■ **TASK PROMPT**: Every line in the records below between the one holding "material, type_object, element, save" and the one holding "SECONDARY CLASSROOMS, SCIENCE", inclusive, is to be set down exactly; all other lines are to be left out.

■ **Recorded data**:
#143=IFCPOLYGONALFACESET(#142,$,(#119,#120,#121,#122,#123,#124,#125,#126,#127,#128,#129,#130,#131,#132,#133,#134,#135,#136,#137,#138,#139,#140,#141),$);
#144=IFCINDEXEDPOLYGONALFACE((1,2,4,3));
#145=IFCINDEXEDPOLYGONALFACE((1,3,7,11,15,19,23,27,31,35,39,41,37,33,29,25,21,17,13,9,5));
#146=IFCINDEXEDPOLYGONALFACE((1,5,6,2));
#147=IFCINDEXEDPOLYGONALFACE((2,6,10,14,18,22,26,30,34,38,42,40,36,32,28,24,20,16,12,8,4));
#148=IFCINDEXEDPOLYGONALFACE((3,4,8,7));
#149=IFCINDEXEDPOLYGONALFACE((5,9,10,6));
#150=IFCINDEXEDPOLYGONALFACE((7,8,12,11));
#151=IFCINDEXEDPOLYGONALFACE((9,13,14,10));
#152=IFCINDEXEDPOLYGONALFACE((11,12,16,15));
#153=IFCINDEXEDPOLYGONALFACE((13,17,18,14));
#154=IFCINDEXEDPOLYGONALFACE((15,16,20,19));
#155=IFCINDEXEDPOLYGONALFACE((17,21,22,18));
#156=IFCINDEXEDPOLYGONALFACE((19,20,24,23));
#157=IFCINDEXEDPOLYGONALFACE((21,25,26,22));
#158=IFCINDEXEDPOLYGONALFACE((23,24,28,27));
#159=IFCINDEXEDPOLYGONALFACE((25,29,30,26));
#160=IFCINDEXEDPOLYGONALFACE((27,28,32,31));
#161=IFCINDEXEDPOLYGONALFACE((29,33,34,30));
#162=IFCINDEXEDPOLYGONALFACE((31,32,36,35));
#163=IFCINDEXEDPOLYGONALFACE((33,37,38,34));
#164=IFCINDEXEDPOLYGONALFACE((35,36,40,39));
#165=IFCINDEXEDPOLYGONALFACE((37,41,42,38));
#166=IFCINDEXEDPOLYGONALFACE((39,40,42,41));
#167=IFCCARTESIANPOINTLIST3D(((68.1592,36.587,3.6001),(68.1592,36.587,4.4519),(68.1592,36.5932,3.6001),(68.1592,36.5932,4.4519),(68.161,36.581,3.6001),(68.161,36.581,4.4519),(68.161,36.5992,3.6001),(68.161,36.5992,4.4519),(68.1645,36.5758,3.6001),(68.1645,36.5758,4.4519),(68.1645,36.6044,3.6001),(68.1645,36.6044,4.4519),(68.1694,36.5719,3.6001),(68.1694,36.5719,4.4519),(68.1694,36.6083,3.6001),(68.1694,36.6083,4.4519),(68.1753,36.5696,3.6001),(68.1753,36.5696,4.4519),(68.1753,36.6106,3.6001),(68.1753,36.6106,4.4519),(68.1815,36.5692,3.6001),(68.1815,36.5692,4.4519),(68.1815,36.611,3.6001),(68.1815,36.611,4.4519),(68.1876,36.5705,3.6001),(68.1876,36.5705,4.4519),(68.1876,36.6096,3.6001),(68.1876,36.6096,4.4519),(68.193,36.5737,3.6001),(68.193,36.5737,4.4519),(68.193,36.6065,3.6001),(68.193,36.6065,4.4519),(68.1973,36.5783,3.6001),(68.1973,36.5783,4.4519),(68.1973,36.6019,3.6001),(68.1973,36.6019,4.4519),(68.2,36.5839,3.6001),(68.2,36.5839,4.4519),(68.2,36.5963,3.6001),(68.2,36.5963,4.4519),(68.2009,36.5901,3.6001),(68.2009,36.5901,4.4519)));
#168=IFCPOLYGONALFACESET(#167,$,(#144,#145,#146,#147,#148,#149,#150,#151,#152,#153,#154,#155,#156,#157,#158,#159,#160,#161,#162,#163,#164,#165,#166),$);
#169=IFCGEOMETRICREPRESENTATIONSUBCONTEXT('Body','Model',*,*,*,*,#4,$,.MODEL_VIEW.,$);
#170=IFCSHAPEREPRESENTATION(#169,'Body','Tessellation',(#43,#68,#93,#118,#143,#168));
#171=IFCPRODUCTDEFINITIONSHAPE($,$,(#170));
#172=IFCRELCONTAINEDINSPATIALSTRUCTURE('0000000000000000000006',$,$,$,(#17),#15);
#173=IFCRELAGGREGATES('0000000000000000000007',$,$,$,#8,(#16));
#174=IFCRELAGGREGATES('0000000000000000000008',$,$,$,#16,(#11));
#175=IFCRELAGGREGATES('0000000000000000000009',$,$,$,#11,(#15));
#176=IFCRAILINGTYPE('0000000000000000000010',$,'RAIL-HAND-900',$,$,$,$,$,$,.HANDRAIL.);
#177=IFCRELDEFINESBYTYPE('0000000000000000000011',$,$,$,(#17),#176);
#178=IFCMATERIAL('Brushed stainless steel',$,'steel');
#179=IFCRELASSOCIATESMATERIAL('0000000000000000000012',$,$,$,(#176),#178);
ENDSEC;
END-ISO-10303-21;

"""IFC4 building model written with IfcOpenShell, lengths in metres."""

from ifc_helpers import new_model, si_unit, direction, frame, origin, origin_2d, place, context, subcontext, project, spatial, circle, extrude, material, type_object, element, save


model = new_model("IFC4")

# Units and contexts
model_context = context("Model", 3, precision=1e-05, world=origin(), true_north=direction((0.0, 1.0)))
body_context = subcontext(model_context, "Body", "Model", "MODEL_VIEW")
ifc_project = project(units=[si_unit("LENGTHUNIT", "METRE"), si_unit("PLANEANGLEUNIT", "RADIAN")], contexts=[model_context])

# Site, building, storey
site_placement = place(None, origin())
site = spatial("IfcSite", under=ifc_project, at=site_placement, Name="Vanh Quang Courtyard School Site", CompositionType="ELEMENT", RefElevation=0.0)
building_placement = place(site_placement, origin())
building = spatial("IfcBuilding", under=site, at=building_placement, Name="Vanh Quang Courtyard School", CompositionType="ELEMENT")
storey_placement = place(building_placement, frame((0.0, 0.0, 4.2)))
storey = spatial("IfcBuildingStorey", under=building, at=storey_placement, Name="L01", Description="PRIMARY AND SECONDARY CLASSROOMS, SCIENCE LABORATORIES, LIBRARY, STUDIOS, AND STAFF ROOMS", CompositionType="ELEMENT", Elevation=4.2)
==
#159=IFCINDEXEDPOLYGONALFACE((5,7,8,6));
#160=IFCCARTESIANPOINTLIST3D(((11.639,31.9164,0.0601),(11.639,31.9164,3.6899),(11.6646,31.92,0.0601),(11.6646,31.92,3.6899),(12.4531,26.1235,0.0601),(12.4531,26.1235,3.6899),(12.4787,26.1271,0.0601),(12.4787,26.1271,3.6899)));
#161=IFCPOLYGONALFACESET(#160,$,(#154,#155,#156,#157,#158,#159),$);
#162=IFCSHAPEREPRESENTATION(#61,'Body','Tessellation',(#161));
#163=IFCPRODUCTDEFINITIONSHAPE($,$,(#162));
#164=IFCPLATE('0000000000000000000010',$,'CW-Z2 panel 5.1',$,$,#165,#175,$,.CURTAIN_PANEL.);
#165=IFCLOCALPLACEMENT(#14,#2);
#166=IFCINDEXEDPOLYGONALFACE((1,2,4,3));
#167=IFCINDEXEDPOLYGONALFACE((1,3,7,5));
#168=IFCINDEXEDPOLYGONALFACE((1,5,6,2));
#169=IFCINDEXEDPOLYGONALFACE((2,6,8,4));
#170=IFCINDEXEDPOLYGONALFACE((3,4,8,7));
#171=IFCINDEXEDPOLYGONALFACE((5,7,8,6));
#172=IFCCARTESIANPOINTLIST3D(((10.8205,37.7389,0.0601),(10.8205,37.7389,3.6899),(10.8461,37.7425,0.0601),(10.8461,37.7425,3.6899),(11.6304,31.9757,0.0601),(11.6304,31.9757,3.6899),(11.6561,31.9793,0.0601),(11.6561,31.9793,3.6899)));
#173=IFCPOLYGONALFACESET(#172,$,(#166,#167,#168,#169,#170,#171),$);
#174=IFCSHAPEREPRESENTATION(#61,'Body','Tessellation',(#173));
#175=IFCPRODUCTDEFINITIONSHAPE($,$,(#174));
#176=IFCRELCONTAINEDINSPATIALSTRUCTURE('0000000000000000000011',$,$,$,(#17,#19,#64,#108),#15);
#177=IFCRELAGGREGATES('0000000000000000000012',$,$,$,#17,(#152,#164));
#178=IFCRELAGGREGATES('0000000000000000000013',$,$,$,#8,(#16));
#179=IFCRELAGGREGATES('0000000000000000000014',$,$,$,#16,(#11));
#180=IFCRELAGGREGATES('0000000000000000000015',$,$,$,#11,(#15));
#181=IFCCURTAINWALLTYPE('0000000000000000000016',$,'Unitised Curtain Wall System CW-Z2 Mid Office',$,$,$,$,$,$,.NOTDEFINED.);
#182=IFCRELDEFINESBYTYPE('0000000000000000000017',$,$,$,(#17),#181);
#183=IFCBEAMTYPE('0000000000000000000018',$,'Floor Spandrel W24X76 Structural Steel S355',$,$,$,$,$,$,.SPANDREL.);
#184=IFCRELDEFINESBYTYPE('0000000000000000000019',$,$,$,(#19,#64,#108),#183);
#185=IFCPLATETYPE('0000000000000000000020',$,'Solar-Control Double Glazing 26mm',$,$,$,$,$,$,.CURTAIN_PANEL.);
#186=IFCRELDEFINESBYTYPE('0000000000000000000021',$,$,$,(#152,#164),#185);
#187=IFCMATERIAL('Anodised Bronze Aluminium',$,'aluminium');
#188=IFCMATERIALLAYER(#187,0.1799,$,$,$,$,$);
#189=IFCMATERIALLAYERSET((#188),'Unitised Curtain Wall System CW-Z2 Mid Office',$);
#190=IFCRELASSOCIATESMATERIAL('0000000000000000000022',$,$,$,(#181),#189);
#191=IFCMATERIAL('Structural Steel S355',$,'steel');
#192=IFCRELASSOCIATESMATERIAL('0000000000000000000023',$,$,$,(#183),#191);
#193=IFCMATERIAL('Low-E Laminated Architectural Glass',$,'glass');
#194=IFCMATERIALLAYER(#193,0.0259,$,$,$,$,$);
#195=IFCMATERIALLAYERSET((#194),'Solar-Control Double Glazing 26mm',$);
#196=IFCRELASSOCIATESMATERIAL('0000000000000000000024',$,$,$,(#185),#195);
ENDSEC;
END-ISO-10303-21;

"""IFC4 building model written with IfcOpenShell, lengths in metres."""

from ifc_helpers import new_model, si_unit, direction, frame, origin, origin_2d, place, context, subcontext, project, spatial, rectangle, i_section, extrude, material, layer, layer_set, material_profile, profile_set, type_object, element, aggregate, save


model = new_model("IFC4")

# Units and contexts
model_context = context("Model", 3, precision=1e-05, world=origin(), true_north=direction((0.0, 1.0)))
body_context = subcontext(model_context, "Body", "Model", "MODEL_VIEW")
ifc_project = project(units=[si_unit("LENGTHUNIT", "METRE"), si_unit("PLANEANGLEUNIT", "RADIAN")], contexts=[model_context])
==
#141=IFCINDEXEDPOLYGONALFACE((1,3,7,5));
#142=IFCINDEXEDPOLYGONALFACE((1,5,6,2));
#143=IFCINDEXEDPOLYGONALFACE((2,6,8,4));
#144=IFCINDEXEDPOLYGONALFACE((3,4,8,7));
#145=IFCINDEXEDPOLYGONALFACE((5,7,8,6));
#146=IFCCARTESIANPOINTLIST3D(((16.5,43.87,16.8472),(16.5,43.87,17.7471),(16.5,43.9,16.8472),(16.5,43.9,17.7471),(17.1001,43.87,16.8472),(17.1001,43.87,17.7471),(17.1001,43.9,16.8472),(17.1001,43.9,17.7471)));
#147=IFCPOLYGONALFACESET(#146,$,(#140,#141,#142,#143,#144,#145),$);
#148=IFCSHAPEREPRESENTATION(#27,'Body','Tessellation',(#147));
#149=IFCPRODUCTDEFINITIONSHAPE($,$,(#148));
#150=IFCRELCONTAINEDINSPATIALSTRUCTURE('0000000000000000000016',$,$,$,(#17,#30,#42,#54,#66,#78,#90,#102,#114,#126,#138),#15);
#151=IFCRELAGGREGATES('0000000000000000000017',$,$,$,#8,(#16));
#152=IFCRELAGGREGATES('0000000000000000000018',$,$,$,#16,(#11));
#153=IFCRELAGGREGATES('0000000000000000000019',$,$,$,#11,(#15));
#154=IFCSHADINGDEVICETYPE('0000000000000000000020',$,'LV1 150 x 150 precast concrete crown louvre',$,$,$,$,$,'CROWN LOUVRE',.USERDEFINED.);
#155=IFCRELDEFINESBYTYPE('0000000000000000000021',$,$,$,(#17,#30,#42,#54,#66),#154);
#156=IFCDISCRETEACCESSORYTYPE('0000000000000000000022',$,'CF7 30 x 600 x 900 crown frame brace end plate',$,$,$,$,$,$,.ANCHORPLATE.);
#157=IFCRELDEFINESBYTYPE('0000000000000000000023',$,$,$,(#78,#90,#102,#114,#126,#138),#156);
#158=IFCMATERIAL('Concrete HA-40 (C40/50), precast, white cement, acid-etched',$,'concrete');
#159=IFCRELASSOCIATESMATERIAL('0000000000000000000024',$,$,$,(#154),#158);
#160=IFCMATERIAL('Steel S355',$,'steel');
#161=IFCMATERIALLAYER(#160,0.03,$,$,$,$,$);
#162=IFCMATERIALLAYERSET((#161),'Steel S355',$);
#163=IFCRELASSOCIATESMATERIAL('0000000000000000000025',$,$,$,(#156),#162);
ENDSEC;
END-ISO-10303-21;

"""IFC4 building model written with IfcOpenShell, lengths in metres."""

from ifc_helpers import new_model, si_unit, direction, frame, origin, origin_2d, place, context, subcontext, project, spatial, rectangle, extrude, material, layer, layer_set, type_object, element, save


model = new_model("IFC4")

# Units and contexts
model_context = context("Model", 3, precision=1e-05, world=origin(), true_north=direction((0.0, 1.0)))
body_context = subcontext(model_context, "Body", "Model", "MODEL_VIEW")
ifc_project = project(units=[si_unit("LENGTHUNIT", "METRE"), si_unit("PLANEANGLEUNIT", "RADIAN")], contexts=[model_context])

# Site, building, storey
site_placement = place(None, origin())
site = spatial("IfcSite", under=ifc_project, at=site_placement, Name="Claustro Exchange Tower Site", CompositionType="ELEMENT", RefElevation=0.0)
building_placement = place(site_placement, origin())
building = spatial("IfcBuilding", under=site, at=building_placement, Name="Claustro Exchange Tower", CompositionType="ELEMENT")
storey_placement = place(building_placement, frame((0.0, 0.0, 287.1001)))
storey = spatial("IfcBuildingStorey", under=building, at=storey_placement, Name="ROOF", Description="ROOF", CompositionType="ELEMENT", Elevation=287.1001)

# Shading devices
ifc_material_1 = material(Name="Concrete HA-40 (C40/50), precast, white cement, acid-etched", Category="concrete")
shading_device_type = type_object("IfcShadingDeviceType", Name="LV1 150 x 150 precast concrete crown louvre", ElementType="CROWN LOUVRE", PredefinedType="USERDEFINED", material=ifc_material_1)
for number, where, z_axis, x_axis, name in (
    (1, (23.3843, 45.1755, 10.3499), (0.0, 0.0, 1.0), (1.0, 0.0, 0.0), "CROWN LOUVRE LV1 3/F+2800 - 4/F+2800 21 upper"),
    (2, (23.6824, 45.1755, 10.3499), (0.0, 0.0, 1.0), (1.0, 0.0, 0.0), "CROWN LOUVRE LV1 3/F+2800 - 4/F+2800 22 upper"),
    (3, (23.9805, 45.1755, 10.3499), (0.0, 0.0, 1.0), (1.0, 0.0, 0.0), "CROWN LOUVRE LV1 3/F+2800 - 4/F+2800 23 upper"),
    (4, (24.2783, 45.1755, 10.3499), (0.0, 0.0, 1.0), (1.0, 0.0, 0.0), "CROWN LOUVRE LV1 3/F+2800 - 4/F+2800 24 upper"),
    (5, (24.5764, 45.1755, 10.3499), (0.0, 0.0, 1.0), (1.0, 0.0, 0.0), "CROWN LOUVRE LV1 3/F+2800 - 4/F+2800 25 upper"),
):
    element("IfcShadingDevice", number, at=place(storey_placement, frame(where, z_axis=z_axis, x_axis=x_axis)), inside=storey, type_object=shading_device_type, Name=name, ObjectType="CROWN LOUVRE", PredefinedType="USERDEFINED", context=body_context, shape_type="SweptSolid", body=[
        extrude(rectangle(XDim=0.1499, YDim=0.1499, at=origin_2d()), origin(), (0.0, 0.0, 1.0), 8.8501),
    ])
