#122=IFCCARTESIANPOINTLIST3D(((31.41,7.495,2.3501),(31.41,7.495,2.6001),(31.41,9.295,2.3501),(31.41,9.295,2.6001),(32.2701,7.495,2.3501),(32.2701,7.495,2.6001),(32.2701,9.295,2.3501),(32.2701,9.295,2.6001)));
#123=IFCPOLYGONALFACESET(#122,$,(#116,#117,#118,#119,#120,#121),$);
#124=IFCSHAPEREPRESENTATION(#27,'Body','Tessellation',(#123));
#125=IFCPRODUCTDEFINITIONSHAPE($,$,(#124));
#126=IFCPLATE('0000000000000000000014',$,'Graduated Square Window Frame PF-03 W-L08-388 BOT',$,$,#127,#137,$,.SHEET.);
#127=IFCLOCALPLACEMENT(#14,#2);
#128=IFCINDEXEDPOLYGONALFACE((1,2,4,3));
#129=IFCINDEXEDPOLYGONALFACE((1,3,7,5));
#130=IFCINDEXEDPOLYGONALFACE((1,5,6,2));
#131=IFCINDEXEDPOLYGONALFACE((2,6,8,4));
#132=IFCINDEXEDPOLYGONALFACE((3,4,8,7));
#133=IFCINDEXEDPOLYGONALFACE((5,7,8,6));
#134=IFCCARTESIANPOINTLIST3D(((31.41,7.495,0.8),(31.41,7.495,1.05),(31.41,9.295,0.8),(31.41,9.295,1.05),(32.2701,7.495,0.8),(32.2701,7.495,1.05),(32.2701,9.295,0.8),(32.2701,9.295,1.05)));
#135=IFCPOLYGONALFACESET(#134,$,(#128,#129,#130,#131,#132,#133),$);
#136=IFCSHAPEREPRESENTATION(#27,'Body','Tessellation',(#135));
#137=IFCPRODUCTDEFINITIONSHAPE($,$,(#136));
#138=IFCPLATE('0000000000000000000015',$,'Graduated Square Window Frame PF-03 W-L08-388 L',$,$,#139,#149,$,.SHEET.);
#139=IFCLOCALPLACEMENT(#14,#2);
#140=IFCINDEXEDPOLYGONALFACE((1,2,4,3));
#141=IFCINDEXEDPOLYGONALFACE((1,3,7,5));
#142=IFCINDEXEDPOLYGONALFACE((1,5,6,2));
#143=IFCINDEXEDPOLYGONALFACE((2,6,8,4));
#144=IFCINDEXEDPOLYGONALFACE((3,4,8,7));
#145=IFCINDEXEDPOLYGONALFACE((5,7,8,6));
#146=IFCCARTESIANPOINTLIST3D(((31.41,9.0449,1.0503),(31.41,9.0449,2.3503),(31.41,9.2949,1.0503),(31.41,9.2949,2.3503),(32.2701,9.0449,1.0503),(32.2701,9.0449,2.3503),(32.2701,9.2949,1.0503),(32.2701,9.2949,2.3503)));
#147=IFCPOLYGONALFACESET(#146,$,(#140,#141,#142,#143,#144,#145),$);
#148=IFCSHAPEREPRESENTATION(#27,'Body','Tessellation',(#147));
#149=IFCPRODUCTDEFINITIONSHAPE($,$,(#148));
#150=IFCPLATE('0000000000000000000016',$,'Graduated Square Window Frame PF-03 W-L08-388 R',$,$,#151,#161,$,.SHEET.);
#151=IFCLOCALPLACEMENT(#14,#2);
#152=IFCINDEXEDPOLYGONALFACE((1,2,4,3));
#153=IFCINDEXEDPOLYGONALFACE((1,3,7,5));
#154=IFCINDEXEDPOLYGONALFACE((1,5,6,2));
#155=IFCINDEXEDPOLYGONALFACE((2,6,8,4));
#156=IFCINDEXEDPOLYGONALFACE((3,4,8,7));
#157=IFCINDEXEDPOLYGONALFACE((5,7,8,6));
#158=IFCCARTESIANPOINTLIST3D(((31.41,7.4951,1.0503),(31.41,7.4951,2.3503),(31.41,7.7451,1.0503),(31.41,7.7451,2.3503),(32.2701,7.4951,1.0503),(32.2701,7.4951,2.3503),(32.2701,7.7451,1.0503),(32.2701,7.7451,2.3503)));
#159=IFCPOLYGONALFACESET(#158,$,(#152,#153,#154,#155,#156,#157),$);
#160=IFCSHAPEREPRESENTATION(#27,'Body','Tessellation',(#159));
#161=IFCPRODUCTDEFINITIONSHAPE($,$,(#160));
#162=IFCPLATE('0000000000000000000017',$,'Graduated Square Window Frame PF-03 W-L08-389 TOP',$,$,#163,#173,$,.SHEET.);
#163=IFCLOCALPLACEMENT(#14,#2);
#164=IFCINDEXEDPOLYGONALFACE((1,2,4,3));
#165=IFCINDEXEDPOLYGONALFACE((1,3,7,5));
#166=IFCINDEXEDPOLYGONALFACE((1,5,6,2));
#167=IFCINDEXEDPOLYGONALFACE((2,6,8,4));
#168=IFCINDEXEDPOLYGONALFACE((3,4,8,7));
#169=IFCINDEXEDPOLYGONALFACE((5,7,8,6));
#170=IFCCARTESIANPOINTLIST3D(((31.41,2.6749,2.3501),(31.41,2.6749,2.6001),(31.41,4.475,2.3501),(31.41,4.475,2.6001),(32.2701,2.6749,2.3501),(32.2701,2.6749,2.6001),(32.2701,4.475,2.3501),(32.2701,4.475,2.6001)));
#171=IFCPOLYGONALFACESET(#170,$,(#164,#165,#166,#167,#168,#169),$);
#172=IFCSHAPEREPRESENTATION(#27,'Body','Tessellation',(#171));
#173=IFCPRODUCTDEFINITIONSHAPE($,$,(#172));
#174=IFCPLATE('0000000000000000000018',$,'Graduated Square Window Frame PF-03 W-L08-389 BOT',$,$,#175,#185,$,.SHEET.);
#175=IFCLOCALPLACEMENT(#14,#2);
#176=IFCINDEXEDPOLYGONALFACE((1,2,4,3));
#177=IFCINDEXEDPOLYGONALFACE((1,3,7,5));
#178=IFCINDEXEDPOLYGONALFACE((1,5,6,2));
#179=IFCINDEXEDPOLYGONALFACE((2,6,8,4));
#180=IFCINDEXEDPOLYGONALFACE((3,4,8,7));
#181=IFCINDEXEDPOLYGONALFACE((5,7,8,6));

■ **RESPONSE**:
from ifc_helpers import new_model, si_unit, direction, frame, origin, origin_2d, place, context, subcontext, project, spatial, circle, extrude, material, type_object, element, save


model = new_model("IFC4")

# Units and contexts
model_context = context("Model", 3, precision=1e-05, world=origin(), true_north=direction((0.0, 1.0)))
body_context = subcontext(model_context, "Body", "Model", "MODEL_VIEW")
ifc_project = project(units=[si_unit("LENGTHUNIT", "METRE"), si_unit("PLANEANGLEUNIT", "RADIAN")], contexts=[model_context])

# Site, building, storey
site_placement = place(None, origin())
site = spatial("IfcSite", under=ifc_project, at=site_placement, Name="Vanh Quang Courtyard School Site", CompositionType="ELEMENT", RefElevation=0.0)
building_placement = place(site_placement, origin())
building = spatial("IfcBuilding", under=site, at=building_placement, Name="Vanh Quang Courtyard School", CompositionType="ELEMENT")
storey_placement = place(building_placement, frame((0.0, 0.0, 4.2)))
storey = spatial("IfcBuildingStorey", under=building, at=storey_placement, Name="L01", Description="PRIMARY AND SECONDARY CLASSROOMS, SCIENCE LABORATORIES, LIBRARY, STUDIOS, AND STAFF ROOMS", CompositionType="ELEMENT", Elevation=4.2)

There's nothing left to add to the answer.